EXTRACTED MATERIAL
━━━━━━━━
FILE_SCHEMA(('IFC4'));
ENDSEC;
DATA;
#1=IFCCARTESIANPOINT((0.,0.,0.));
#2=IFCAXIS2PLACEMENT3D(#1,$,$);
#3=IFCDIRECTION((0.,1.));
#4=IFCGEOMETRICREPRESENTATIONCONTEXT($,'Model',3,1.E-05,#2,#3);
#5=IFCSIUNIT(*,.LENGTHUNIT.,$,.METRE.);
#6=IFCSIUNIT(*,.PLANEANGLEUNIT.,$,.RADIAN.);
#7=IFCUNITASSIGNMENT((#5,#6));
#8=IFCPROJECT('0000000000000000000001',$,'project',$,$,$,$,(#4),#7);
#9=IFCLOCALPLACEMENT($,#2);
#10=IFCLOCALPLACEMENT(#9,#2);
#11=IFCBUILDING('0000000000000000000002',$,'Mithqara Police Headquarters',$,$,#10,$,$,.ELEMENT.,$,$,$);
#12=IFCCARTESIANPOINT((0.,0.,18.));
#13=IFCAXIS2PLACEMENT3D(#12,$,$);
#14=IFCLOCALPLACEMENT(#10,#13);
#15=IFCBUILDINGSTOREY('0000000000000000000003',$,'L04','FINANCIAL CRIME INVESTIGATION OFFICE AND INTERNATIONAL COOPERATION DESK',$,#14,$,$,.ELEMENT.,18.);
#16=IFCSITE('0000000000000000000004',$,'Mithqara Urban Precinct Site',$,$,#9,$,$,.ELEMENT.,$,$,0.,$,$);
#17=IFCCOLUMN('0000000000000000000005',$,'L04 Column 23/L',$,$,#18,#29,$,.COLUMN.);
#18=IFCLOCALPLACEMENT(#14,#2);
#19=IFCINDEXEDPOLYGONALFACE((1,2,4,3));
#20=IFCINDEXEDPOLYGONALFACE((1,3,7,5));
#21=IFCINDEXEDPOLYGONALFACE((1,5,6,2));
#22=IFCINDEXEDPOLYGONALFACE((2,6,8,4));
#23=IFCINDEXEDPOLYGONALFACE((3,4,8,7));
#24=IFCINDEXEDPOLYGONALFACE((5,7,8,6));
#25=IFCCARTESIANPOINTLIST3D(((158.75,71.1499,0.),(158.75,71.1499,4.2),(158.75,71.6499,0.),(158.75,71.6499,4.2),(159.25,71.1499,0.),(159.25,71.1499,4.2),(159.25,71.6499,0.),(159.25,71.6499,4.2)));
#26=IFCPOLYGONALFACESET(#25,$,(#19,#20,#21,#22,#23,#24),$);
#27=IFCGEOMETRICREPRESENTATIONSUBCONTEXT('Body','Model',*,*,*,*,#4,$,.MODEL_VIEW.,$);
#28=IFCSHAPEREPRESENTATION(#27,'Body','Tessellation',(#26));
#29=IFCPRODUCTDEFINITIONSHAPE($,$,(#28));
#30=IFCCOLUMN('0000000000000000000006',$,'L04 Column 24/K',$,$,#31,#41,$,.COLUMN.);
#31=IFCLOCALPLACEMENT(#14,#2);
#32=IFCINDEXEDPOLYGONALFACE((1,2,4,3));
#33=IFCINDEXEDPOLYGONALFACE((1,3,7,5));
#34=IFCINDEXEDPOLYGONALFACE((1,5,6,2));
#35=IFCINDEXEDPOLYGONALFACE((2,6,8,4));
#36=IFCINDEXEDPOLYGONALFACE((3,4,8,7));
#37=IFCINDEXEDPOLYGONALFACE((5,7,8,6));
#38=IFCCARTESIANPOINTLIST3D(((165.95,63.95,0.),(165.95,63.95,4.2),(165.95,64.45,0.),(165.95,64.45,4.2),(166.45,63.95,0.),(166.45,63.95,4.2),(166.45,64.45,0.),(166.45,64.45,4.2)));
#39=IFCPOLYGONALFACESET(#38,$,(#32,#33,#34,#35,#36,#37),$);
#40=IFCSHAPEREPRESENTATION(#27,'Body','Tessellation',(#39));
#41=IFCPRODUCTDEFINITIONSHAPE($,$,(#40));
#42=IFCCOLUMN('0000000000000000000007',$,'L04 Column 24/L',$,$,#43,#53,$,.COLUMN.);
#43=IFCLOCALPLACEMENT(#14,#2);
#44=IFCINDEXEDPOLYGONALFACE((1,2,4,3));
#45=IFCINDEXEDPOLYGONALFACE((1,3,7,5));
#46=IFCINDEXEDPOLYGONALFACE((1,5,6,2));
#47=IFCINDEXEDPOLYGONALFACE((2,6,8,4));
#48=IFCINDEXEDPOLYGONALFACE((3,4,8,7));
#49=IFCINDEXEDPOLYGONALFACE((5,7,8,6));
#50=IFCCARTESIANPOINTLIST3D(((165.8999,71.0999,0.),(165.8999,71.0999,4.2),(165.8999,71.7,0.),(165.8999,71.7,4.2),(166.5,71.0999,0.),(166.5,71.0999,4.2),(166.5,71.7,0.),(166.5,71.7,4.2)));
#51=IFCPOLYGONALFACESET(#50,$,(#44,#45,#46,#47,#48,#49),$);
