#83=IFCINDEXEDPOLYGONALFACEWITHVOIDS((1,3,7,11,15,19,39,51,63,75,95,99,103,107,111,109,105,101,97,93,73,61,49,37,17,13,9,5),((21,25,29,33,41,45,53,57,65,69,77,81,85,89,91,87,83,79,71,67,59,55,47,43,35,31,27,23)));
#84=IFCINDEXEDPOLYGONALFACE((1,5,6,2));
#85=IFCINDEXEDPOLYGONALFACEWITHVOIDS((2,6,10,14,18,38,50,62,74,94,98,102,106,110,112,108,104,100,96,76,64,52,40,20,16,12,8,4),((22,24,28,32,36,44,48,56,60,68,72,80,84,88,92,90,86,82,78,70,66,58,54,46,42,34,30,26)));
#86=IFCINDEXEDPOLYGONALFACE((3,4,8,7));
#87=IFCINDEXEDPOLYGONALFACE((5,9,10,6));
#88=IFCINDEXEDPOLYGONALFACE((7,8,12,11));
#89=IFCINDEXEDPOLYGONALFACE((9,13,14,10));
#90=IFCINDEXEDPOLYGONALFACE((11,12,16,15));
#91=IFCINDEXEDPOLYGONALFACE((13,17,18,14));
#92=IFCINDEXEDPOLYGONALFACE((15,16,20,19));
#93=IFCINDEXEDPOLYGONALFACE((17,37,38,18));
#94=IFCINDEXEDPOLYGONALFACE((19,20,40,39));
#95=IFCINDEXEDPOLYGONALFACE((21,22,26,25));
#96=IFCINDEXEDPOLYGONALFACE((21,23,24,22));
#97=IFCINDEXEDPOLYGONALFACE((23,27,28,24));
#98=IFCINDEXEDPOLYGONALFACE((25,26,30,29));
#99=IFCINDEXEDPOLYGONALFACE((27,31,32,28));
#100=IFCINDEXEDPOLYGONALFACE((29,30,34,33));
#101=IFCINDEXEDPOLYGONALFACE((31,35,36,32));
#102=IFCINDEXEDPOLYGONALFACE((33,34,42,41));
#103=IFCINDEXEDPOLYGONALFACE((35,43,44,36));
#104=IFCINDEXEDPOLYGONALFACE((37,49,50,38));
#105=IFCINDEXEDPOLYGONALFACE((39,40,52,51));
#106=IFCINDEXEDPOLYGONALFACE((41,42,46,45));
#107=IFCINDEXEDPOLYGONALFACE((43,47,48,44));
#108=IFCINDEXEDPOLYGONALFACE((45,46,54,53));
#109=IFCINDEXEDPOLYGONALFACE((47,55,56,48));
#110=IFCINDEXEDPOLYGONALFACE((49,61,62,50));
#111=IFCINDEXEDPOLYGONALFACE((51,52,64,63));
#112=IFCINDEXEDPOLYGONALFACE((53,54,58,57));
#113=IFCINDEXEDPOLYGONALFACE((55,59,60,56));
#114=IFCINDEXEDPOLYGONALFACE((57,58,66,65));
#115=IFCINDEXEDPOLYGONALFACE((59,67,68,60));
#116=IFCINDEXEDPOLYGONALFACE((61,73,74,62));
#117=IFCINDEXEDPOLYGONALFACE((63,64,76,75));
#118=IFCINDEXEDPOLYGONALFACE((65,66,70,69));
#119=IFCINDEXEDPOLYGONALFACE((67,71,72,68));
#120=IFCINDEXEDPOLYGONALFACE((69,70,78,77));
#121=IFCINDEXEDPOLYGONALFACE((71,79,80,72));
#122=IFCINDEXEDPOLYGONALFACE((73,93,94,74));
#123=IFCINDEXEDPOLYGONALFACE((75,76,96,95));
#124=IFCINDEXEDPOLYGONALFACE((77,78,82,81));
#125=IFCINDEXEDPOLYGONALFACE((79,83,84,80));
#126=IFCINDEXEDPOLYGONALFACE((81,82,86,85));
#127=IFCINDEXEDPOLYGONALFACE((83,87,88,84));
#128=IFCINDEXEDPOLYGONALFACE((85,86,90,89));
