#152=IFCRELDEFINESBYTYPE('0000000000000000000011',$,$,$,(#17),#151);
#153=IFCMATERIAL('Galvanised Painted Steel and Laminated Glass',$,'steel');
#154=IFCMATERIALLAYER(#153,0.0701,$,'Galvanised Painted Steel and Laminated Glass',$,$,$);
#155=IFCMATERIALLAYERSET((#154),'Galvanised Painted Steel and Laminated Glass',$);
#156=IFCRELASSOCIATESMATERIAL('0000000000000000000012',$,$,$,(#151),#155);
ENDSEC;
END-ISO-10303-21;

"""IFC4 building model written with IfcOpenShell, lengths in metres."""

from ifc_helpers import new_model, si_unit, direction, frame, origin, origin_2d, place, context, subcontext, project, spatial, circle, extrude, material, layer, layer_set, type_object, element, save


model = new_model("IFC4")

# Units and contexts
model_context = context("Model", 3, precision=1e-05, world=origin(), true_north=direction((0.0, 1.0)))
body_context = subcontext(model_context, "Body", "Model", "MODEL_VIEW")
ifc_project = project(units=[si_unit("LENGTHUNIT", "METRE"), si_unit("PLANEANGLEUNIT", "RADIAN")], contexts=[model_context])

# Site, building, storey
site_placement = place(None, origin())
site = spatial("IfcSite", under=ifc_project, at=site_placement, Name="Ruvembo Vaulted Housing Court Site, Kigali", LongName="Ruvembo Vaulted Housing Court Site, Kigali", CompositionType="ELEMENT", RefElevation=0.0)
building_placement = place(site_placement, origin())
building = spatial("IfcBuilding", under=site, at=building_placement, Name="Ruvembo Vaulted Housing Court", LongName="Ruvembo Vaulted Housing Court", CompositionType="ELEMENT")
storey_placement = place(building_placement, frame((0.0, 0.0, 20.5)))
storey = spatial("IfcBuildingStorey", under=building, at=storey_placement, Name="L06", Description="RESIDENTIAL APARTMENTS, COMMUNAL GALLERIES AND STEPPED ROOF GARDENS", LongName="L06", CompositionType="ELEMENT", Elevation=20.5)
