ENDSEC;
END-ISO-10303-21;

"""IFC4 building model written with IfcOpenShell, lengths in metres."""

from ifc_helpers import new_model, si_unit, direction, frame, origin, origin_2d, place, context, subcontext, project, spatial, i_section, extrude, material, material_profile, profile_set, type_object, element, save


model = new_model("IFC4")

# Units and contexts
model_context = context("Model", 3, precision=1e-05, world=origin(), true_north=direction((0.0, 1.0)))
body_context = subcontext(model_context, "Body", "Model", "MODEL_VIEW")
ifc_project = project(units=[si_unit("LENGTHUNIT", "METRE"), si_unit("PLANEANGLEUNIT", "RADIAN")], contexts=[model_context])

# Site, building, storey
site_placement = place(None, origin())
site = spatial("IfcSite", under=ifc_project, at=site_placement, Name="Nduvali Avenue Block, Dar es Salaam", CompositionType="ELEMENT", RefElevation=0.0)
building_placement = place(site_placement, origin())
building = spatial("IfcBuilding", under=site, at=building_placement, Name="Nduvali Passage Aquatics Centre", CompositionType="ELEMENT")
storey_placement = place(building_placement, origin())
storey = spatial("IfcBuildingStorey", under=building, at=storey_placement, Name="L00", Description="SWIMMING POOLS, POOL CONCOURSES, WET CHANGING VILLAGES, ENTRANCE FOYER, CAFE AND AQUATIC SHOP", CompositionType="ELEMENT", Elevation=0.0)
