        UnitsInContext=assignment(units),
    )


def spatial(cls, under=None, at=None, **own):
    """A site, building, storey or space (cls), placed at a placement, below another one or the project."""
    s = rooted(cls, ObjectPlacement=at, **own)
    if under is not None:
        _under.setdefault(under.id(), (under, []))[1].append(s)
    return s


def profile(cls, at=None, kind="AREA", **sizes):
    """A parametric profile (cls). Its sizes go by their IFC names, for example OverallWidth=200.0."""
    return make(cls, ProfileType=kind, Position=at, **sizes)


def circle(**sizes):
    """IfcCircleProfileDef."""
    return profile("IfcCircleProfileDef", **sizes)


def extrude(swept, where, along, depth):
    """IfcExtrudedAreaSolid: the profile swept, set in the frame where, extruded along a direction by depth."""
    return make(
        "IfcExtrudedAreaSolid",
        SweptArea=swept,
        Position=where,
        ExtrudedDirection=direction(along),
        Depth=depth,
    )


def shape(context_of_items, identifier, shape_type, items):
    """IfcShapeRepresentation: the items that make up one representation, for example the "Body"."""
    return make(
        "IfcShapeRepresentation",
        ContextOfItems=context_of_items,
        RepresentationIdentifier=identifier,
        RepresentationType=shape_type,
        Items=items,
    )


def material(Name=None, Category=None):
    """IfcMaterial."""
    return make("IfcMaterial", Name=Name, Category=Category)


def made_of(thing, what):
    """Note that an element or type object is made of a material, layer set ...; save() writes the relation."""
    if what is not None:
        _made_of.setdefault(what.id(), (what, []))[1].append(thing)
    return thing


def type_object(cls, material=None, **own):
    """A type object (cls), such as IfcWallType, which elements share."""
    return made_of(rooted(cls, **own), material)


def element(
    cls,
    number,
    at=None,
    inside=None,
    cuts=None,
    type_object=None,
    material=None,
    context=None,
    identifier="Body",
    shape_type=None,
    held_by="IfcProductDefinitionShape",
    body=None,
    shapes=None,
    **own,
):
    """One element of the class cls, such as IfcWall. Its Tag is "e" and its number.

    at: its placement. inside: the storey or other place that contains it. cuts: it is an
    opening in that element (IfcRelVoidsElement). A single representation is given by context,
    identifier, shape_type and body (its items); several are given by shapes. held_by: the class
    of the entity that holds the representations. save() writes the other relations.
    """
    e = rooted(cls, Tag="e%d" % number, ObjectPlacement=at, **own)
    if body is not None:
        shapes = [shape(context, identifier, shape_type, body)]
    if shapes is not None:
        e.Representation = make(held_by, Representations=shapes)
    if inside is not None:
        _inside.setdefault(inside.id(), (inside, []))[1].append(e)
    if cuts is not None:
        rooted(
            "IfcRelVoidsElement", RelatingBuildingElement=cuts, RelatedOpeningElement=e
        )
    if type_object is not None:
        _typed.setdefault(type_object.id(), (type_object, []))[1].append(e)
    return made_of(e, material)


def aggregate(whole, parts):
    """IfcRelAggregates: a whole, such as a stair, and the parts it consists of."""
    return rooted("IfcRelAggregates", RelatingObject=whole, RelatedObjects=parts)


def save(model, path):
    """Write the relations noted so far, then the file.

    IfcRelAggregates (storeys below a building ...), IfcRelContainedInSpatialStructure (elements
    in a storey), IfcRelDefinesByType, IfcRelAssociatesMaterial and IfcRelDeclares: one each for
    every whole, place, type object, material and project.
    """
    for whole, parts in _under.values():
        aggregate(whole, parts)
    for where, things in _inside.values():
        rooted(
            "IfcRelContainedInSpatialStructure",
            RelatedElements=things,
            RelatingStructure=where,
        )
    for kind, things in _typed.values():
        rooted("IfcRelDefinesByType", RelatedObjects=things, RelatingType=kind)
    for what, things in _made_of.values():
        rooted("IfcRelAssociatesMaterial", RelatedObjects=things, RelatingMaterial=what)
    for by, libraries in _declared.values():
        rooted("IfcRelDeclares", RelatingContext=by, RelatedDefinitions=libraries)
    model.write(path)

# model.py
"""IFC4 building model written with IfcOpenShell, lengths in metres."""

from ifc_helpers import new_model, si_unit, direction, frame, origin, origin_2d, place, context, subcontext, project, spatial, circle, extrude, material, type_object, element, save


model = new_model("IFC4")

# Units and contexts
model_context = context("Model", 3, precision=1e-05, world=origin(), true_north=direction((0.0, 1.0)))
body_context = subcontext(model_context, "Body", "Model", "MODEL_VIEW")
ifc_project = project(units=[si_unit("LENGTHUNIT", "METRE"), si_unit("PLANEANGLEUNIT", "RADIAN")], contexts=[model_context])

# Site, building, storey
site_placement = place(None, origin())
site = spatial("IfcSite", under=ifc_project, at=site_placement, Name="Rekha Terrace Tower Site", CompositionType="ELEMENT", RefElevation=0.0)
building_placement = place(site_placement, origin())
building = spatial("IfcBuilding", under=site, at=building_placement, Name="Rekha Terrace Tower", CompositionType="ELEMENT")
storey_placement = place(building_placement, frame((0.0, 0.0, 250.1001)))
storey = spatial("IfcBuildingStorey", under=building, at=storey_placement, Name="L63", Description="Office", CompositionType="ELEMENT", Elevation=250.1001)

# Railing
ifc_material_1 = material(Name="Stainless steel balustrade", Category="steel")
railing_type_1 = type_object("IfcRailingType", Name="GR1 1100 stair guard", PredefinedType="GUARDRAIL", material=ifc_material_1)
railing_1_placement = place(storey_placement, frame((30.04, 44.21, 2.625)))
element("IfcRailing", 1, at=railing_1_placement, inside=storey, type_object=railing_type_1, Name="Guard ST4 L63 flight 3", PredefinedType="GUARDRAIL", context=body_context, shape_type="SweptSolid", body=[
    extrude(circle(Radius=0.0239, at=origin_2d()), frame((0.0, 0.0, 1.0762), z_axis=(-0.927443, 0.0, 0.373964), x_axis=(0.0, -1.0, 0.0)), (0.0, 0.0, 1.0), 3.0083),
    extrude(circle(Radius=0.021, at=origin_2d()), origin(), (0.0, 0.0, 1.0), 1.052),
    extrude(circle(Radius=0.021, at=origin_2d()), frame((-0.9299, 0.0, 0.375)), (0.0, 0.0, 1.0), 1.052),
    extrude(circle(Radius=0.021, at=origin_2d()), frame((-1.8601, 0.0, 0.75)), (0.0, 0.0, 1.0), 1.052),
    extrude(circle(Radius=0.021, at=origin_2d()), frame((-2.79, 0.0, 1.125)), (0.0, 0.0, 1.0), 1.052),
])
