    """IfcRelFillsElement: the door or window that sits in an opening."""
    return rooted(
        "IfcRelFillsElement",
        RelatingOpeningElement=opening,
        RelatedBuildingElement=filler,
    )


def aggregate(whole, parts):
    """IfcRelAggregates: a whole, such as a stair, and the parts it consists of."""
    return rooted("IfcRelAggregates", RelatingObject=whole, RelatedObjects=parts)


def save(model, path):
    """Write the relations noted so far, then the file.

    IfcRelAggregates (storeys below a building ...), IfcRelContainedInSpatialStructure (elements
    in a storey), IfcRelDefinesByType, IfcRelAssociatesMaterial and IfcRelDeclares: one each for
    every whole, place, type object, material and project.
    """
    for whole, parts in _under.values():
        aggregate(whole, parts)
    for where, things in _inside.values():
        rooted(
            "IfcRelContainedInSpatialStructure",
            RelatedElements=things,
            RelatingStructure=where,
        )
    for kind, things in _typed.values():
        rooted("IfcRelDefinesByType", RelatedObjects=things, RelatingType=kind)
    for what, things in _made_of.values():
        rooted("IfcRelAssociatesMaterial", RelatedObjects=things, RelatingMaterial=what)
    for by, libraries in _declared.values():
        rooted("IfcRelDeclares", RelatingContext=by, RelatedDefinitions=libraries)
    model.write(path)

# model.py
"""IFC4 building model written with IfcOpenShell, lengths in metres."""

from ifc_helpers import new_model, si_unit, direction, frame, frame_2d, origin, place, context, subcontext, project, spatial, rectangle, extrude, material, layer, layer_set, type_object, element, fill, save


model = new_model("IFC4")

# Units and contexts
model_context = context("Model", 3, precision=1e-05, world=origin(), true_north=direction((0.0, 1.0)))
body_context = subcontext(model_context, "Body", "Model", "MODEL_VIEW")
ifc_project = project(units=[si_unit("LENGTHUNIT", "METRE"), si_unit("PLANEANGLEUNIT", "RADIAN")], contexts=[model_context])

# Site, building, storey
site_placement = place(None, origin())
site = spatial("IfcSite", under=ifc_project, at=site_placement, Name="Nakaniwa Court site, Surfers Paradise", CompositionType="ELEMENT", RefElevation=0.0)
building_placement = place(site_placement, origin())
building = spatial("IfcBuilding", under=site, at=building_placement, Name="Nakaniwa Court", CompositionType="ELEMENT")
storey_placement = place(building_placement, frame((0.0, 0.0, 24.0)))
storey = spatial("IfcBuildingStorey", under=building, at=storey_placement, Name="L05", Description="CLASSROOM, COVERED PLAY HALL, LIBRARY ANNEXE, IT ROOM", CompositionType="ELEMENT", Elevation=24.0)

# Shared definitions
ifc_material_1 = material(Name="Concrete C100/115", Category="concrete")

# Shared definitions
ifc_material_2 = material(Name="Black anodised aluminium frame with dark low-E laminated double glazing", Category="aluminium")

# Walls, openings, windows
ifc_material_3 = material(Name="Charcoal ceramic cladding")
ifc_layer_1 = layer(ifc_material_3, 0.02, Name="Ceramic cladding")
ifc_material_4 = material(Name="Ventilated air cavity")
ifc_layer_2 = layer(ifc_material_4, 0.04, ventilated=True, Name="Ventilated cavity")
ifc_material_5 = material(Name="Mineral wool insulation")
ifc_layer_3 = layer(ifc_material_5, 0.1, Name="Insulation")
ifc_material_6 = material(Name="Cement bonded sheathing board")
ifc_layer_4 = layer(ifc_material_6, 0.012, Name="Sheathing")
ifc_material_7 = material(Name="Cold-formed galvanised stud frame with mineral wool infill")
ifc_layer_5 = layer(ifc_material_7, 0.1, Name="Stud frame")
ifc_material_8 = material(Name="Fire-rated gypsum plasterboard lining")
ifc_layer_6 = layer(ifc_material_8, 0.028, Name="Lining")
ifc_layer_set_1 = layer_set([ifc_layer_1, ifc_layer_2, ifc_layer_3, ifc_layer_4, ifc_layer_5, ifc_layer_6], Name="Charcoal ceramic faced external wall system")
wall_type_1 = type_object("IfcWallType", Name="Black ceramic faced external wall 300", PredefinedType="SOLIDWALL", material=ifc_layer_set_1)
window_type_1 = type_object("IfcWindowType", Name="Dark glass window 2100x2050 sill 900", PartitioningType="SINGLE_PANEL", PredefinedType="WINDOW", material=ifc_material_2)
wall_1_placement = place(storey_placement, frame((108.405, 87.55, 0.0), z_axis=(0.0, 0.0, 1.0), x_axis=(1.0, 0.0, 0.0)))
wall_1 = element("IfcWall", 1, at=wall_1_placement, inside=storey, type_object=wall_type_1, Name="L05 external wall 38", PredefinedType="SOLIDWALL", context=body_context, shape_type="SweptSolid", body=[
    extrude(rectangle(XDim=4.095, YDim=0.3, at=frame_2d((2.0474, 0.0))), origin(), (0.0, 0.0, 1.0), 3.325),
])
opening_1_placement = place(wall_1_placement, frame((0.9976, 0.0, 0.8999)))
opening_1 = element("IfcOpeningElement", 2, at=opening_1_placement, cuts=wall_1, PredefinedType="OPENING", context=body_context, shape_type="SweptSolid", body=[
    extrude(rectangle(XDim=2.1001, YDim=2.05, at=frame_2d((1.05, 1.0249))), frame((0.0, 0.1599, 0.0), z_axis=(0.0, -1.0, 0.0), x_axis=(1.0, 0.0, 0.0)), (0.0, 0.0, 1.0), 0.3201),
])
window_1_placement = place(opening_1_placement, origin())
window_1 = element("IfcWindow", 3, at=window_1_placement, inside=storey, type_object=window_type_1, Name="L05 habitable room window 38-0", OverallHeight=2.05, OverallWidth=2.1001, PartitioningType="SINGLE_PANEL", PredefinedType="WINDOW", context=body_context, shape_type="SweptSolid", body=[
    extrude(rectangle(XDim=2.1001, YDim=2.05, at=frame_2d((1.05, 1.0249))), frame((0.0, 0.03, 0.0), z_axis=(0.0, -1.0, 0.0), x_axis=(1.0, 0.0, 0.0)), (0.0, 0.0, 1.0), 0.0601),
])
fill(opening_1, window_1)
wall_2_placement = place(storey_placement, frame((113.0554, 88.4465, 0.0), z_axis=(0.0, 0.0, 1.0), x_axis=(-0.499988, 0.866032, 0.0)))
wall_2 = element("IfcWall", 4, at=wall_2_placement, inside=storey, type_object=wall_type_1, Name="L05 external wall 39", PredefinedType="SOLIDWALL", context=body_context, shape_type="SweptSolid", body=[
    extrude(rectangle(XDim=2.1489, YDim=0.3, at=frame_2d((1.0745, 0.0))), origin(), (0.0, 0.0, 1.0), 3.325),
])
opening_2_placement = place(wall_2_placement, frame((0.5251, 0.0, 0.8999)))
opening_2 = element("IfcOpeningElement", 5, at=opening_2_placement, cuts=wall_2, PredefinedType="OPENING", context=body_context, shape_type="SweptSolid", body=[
━━━━━━━━
WORK INSTRUCTIONS
In the listing above, find the line containing "#1=IFCCARTESIANPOINT((0.,0.,0.));" and the line containing "#7=IFCUNITASSIGNMENT((#5,#6));", then repeat those two lines and everything between them exactly.

OUTPUT OF THE EXERCISE
#1=IFCCARTESIANPOINT((0.,0.,0.));
#2=IFCAXIS2PLACEMENT3D(#1,$,$);
#3=IFCDIRECTION((0.,1.));
#4=IFCGEOMETRICREPRESENTATIONCONTEXT($,'Model',3,1.E-05,#2,#3);
#5=IFCSIUNIT(*,.LENGTHUNIT.,$,.METRE.);
#6=IFCSIUNIT(*,.PLANEANGLEUNIT.,$,.RADIAN.);
#7=IFCUNITASSIGNMENT((#5,#6));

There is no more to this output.